Activity
Look below for the lines from the one with "#14=IFCLOCALPLACEMENT(#10,#13);" to the one with "#26=IFCINDEXEDPOLYGONALFACE((5,7,8,6));", and copy exactly those lines, both ends included.

Dataset excerpts
+ + +

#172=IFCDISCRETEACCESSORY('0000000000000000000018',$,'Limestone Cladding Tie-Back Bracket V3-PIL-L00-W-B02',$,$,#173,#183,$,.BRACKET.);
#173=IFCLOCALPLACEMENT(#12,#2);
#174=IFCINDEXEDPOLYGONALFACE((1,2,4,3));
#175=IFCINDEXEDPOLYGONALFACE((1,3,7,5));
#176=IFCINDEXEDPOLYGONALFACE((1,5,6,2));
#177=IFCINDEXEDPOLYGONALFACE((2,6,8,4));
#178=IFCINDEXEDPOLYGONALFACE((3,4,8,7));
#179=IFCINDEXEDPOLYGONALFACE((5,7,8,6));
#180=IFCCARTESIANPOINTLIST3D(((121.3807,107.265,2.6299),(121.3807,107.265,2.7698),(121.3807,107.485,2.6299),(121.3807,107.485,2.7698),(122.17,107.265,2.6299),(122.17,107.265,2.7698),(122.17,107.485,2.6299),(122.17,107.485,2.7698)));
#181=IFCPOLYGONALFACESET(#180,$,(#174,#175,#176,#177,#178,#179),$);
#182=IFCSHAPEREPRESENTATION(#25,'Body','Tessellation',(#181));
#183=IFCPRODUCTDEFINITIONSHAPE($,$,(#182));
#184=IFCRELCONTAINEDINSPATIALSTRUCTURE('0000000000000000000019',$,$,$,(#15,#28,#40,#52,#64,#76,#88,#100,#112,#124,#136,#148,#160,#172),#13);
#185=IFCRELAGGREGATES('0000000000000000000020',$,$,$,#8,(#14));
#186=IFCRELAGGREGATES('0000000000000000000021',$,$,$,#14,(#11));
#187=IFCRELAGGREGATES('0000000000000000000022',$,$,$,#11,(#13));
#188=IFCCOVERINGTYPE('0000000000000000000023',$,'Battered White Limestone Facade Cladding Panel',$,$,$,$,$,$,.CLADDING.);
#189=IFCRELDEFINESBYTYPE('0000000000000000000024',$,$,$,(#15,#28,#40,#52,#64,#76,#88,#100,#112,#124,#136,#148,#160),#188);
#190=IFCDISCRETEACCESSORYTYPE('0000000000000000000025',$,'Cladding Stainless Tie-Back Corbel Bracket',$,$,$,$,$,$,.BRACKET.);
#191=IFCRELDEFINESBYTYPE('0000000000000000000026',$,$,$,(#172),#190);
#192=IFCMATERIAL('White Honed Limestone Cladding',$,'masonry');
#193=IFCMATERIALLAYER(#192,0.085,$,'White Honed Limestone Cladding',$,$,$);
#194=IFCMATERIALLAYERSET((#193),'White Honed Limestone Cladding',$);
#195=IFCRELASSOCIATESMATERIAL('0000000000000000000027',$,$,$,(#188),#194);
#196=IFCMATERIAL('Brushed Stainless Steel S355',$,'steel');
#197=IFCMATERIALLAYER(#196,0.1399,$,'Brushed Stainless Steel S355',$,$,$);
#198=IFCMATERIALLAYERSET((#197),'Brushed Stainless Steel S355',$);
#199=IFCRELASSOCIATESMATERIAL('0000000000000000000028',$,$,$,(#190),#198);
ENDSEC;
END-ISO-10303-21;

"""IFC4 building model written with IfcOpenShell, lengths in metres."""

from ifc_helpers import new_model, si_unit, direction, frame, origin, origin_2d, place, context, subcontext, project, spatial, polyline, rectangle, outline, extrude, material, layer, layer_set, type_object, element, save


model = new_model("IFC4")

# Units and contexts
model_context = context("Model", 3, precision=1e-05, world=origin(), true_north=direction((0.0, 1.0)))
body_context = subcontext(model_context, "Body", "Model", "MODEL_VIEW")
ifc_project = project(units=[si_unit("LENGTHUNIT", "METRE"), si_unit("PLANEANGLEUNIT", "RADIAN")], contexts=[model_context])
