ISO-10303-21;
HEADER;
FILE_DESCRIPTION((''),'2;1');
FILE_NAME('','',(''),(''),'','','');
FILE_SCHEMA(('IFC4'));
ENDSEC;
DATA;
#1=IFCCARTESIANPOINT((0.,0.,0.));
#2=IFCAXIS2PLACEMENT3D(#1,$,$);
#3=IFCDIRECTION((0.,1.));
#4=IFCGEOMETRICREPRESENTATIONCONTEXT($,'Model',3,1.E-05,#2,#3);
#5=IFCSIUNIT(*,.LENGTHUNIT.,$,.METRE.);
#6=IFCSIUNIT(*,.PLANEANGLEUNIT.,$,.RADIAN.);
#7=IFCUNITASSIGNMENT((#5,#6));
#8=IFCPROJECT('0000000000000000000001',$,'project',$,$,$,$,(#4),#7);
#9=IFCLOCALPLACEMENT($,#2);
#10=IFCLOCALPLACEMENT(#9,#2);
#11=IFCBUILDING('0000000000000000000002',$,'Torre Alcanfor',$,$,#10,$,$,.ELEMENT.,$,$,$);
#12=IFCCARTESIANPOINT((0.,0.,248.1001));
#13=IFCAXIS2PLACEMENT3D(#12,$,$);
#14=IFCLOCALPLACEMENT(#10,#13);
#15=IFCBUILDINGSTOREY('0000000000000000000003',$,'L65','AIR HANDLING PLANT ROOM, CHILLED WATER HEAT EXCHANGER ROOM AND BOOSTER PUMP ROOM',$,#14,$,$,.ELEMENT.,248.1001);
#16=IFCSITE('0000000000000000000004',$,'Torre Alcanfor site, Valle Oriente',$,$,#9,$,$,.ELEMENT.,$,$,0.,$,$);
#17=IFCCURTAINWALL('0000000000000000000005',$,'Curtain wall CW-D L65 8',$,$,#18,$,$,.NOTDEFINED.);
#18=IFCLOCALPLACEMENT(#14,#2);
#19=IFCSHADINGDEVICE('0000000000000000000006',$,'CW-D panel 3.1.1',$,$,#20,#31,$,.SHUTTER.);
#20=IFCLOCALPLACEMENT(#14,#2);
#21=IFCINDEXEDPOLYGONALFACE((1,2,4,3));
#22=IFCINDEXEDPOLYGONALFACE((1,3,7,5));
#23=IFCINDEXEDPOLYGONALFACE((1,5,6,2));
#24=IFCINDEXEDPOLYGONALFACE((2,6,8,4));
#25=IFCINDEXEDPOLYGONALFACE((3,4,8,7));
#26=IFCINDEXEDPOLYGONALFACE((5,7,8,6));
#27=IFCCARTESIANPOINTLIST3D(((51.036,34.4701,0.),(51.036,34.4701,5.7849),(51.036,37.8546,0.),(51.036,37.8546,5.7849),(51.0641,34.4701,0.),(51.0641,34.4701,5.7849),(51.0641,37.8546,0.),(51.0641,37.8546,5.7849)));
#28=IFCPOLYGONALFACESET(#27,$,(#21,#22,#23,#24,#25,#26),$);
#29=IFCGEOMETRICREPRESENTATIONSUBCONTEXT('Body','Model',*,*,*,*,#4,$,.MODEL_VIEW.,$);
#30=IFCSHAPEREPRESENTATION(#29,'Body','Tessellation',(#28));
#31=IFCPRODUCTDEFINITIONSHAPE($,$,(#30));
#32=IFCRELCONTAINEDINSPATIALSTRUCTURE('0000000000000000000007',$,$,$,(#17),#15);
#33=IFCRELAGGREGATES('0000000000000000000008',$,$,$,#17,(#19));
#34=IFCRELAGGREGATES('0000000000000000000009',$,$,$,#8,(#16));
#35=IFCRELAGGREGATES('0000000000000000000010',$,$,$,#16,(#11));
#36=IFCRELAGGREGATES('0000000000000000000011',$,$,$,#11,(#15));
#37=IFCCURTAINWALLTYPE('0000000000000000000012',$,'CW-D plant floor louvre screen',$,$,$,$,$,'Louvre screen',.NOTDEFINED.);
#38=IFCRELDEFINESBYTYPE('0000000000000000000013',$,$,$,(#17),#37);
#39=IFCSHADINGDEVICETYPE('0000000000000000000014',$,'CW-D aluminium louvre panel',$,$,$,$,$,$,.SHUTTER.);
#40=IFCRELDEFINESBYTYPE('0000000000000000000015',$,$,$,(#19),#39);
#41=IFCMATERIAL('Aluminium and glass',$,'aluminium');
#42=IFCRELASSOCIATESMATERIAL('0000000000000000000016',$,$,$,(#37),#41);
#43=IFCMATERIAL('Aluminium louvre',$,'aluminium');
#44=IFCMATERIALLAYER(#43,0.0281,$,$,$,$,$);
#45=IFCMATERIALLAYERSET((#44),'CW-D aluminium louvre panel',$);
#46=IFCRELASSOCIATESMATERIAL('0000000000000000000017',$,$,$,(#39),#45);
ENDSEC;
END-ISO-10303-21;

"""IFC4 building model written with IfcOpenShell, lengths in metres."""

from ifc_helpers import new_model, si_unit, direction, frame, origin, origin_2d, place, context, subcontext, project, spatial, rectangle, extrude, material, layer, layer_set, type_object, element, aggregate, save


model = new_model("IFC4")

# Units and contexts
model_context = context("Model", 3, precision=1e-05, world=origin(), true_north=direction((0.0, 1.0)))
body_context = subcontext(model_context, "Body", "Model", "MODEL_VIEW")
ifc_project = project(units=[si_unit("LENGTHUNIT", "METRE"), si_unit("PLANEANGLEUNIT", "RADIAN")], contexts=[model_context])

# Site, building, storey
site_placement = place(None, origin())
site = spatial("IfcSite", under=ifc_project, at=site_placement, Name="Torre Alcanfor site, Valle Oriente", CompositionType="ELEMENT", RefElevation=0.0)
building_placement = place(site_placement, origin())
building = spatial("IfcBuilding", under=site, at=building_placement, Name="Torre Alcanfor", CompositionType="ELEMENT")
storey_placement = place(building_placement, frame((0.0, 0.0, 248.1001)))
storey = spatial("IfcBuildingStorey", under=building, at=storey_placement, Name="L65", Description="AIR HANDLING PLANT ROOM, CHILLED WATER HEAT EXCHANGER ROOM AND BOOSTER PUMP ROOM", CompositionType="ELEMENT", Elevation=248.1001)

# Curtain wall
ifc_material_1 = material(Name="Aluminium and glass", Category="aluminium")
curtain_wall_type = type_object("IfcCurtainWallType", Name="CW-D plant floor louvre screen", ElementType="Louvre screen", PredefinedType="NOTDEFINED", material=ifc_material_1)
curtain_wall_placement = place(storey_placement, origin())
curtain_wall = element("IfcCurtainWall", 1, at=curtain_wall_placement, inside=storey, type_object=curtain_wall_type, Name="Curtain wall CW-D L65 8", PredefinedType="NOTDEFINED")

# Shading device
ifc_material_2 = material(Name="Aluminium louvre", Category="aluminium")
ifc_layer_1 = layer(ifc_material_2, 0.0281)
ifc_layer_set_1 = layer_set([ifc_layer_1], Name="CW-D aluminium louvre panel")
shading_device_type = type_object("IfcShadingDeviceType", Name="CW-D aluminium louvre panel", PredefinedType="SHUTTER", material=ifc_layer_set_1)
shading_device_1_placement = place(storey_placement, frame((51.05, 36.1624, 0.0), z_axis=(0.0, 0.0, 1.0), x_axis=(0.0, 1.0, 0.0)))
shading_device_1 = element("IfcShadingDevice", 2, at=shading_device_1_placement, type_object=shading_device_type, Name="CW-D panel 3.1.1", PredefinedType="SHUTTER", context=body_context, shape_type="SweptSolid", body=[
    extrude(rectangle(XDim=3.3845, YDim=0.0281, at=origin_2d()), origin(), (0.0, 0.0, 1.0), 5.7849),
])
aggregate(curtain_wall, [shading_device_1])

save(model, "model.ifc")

+ + +

Task result
#14=IFCLOCALPLACEMENT(#10,#13);
#15=IFCBUILDINGSTOREY('0000000000000000000003',$,'L65','AIR HANDLING PLANT ROOM, CHILLED WATER HEAT EXCHANGER ROOM AND BOOSTER PUMP ROOM',$,#14,$,$,.ELEMENT.,248.1001);
#16=IFCSITE('0000000000000000000004',$,'Torre Alcanfor site, Valle Oriente',$,$,#9,$,$,.ELEMENT.,$,$,0.,$,$);
#17=IFCCURTAINWALL('0000000000000000000005',$,'Curtain wall CW-D L65 8',$,$,#18,$,$,.NOTDEFINED.);
#18=IFCLOCALPLACEMENT(#14,#2);
#19=IFCSHADINGDEVICE('0000000000000000000006',$,'CW-D panel 3.1.1',$,$,#20,#31,$,.SHUTTER.);
#20=IFCLOCALPLACEMENT(#14,#2);
#21=IFCINDEXEDPOLYGONALFACE((1,2,4,3));
#22=IFCINDEXEDPOLYGONALFACE((1,3,7,5));
#23=IFCINDEXEDPOLYGONALFACE((1,5,6,2));
#24=IFCINDEXEDPOLYGONALFACE((2,6,8,4));
#25=IFCINDEXEDPOLYGONALFACE((3,4,8,7));
#26=IFCINDEXEDPOLYGONALFACE((5,7,8,6));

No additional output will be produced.